Exercise prompt –
Where a line of the records holds the string "IFCSHAPEREPRESENTATION", copy that line.
[[ Provided material open ]]
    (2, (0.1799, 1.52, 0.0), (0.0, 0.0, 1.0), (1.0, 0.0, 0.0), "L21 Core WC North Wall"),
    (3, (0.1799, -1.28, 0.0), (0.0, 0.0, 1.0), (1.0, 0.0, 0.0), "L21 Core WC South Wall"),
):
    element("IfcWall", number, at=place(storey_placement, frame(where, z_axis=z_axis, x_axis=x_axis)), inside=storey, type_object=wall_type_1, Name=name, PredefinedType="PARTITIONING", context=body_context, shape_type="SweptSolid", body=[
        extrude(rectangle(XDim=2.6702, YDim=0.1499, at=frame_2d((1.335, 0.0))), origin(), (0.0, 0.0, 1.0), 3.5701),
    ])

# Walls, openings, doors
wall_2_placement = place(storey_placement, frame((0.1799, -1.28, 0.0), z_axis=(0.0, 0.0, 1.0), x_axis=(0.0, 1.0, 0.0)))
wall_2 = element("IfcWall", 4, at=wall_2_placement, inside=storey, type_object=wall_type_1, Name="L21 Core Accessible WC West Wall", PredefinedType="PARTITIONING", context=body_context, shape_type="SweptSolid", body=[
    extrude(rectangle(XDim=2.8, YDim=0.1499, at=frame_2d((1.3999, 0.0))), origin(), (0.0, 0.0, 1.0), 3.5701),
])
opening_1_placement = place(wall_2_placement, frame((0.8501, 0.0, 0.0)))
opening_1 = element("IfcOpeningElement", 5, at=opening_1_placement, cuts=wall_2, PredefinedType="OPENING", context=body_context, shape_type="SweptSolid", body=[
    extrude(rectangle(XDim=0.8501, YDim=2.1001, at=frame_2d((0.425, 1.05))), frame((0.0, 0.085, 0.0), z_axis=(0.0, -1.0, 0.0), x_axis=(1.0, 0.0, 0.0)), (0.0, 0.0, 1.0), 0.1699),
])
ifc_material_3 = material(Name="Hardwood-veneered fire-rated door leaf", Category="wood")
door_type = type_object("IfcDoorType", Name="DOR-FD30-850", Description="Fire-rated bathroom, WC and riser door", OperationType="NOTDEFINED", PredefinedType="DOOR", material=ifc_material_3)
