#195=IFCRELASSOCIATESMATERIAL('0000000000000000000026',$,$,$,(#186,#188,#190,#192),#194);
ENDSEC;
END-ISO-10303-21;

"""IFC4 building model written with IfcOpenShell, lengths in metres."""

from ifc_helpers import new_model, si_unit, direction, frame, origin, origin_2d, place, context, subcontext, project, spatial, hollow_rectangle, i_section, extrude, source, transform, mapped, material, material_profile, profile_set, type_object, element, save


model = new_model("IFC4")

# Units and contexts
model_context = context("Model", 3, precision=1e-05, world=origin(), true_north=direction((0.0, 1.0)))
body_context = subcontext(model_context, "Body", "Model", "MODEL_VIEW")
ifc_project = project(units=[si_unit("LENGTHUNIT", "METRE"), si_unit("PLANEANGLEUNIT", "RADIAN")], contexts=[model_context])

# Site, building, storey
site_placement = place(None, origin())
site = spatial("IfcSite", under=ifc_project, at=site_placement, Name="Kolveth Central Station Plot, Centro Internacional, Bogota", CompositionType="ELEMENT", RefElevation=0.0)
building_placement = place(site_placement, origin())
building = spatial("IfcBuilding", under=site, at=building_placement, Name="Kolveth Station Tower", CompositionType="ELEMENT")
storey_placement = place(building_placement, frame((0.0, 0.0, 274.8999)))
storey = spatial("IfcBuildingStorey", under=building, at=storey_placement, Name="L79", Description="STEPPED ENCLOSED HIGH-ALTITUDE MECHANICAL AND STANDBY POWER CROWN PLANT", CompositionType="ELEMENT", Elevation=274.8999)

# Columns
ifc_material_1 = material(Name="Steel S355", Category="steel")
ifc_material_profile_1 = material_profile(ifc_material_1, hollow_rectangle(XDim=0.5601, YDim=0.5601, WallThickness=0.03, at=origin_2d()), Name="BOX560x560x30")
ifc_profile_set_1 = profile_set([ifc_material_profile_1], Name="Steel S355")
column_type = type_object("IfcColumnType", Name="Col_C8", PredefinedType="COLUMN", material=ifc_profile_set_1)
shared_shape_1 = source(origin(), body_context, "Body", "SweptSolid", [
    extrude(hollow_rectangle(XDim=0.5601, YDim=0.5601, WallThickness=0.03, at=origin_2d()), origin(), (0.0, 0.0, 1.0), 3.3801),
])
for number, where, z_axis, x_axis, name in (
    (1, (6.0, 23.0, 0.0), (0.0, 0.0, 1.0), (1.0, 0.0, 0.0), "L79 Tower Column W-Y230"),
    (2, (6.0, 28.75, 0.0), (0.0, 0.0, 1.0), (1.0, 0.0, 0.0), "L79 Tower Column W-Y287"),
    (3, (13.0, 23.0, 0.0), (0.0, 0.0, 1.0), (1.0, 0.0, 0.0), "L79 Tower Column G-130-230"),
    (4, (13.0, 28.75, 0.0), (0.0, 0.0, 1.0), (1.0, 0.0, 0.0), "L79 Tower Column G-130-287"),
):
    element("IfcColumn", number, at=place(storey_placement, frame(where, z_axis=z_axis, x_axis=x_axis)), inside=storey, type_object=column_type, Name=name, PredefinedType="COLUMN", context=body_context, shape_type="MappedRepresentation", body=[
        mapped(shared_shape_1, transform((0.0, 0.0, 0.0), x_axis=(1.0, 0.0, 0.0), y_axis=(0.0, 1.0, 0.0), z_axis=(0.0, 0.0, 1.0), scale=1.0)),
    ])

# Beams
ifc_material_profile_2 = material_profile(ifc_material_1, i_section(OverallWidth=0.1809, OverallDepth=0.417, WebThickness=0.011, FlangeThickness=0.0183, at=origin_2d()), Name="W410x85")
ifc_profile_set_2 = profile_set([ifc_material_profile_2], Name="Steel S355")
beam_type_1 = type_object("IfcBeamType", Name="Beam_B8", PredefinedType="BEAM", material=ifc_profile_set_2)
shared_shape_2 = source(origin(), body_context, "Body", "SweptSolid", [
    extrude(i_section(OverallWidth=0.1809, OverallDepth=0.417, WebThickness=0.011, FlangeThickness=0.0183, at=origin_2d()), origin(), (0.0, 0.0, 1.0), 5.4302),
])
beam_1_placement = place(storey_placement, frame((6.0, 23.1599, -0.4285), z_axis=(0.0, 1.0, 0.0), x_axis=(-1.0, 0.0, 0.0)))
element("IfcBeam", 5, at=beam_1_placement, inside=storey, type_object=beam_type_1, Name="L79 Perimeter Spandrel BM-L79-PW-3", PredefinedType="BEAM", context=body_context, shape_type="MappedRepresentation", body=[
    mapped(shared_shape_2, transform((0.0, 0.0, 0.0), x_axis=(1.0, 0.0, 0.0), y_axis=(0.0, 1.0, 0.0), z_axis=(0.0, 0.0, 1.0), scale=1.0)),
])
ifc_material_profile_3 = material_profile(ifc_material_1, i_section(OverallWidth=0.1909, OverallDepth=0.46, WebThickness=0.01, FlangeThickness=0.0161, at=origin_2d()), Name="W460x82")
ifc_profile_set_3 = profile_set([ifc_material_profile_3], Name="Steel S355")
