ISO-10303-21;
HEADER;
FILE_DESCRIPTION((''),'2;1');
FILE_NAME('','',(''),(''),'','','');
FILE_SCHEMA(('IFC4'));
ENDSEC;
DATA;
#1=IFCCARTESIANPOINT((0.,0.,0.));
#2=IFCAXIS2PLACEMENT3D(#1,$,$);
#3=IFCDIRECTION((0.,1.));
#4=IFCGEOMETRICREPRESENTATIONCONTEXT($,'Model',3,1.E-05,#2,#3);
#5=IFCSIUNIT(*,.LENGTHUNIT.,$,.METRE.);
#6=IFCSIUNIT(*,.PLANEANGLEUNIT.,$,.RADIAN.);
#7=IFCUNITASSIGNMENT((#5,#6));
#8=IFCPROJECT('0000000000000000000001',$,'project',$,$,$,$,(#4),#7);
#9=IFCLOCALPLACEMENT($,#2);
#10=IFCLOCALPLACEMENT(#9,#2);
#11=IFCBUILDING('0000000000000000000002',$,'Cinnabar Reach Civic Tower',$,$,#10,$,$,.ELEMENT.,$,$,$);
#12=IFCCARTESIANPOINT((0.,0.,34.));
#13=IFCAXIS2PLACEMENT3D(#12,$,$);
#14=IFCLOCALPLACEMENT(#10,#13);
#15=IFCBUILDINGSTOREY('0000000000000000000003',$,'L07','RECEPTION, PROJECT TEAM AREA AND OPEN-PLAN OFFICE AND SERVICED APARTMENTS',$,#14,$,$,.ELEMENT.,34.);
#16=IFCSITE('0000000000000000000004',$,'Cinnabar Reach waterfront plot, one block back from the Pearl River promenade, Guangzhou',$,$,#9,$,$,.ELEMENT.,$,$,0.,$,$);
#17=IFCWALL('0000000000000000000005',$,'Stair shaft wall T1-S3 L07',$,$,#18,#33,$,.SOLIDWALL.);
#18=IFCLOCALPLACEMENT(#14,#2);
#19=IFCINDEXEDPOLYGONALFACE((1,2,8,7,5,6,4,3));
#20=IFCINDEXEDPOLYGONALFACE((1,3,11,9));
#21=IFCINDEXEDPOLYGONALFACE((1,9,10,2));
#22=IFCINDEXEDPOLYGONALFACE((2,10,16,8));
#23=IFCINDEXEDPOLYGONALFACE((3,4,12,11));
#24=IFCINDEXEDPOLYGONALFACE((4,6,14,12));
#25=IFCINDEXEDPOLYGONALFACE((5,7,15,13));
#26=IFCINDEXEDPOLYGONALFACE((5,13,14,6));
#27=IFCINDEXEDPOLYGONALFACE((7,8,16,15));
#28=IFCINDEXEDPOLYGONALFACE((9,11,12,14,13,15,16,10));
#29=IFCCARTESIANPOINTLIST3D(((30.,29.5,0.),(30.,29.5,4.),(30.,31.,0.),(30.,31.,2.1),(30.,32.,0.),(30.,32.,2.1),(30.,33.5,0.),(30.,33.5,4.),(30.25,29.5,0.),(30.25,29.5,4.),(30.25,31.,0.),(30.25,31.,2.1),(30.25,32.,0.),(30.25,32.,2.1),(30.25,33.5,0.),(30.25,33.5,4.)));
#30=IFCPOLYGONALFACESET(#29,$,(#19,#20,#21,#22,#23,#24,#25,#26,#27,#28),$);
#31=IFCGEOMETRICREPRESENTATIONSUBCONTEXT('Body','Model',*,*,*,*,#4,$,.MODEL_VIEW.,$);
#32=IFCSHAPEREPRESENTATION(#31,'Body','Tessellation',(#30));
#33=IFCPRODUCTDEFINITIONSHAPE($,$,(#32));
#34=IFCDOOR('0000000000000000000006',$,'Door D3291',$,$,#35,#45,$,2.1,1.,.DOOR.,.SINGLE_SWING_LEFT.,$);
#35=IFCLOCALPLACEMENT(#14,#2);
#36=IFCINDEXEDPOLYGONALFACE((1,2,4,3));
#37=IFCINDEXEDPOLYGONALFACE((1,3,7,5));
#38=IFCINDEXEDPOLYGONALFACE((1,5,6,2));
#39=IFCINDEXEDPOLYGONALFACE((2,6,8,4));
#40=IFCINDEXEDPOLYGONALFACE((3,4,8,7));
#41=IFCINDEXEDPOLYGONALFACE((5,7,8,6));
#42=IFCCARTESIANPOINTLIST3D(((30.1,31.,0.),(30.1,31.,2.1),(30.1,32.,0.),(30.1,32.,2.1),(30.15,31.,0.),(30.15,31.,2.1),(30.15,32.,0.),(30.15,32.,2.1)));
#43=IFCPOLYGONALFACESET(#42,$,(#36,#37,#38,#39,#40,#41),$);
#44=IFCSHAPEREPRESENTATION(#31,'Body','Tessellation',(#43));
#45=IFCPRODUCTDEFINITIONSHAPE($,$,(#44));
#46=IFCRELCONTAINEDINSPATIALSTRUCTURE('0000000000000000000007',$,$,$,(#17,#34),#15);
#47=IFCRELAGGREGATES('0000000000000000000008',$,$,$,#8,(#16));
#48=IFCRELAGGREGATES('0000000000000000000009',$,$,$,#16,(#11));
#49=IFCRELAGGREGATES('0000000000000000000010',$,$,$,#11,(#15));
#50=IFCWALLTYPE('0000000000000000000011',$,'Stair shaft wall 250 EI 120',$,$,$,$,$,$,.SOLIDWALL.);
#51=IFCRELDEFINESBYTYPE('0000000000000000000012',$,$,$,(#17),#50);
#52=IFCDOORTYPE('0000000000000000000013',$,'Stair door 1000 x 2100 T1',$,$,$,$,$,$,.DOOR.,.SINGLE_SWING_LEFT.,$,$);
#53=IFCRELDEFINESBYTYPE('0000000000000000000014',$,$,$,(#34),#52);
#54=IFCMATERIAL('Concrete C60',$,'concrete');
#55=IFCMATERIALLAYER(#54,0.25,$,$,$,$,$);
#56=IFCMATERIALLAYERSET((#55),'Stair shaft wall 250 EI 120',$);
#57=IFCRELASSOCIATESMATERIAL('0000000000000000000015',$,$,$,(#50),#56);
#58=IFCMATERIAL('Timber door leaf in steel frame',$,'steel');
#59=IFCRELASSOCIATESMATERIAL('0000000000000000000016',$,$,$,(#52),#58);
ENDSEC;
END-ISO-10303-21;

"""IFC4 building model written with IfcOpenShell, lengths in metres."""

from ifc_helpers import new_model, si_unit, direction, frame, frame_2d, origin, place, context, subcontext, project, spatial, rectangle, extrude, material, layer, layer_set, type_object, element, fill, save


model = new_model("IFC4")

# Units and contexts
model_context = context("Model", 3, precision=1e-05, world=origin(), true_north=direction((0.0, 1.0)))
body_context = subcontext(model_context, "Body", "Model", "MODEL_VIEW")
ifc_project = project(units=[si_unit("LENGTHUNIT", "METRE"), si_unit("PLANEANGLEUNIT", "RADIAN")], contexts=[model_context])

# Site, building, storey
site_placement = place(None, origin())
site = spatial("IfcSite", under=ifc_project, at=site_placement, Name="Cinnabar Reach waterfront plot, one block back from the Pearl River promenade, Guangzhou", CompositionType="ELEMENT", RefElevation=0.0)
building_placement = place(site_placement, origin())
building = spatial("IfcBuilding", under=site, at=building_placement, Name="Cinnabar Reach Civic Tower", CompositionType="ELEMENT")
storey_placement = place(building_placement, frame((0.0, 0.0, 34.0)))
storey = spatial("IfcBuildingStorey", under=building, at=storey_placement, Name="L07", Description="RECEPTION, PROJECT TEAM AREA AND OPEN-PLAN OFFICE AND SERVICED APARTMENTS", CompositionType="ELEMENT", Elevation=34.0)

# Shared definitions
ifc_material_1 = material(Name="Timber door leaf in steel frame", Category="steel")

# Shared definitions
ifc_material_2 = material(Name="Concrete C60", Category="concrete")
ifc_layer_1 = layer(ifc_material_2, 0.25)
ifc_layer_set_1 = layer_set([ifc_layer_1], Name="Stair shaft wall 250 EI 120")
wall_type_1 = type_object("IfcWallType", Name="Stair shaft wall 250 EI 120", PredefinedType="SOLIDWALL", material=ifc_layer_set_1)

# Wall, opening, door
wall_1_placement = place(storey_placement, frame((30.125, 33.5, 0.0), z_axis=(0.0, 0.0, 1.0), x_axis=(0.0, -1.0, 0.0)))
wall_1 = element("IfcWall", 1, at=wall_1_placement, inside=storey, type_object=wall_type_1, Name="Stair shaft wall T1-S3 L07", PredefinedType="SOLIDWALL", context=body_context, shape_type="SweptSolid", body=[
    extrude(rectangle(XDim=4.0, YDim=0.25, at=frame_2d((2.0, 0.0))), origin(), (0.0, 0.0, 1.0), 4.0),
])
opening_1_placement = place(wall_1_placement, frame((1.5, 0.0, 0.0)))
opening_1 = element("IfcOpeningElement", 2, at=opening_1_placement, cuts=wall_1, PredefinedType="OPENING", context=body_context, shape_type="SweptSolid", body=[
    extrude(rectangle(XDim=1.0, YDim=2.1, at=frame_2d((0.5, 1.05))), frame((0.0, 0.135, 0.0), z_axis=(0.0, -1.0, 0.0), x_axis=(1.0, 0.0, 0.0)), (0.0, 0.0, 1.0), 0.27),
])
door_type_1 = type_object("IfcDoorType", Name="Stair door 1000 x 2100 T1", OperationType="SINGLE_SWING_LEFT", PredefinedType="DOOR", material=ifc_material_1)
door_1_placement = place(opening_1_placement, origin())
door_1 = element("IfcDoor", 3, at=door_1_placement, inside=storey, type_object=door_type_1, Name="Door D3291", OperationType="SINGLE_SWING_LEFT", OverallHeight=2.1, OverallWidth=1.0, PredefinedType="DOOR", context=body_context, shape_type="SweptSolid", body=[
    extrude(rectangle(XDim=1.0, YDim=2.1, at=frame_2d((0.5, 1.05))), frame((0.0, 0.025, 0.0), z_axis=(0.0, -1.0, 0.0), x_axis=(1.0, 0.0, 0.0)), (0.0, 0.0, 1.0), 0.05),
])
fill(opening_1, door_1)

save(model, "model.ifc")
[[ Provided material closed ]]
Exercise response –
#32=IFCSHAPEREPRESENTATION(#31,'Body','Tessellation',(#30));
#44=IFCSHAPEREPRESENTATION(#31,'Body','Tessellation',(#43));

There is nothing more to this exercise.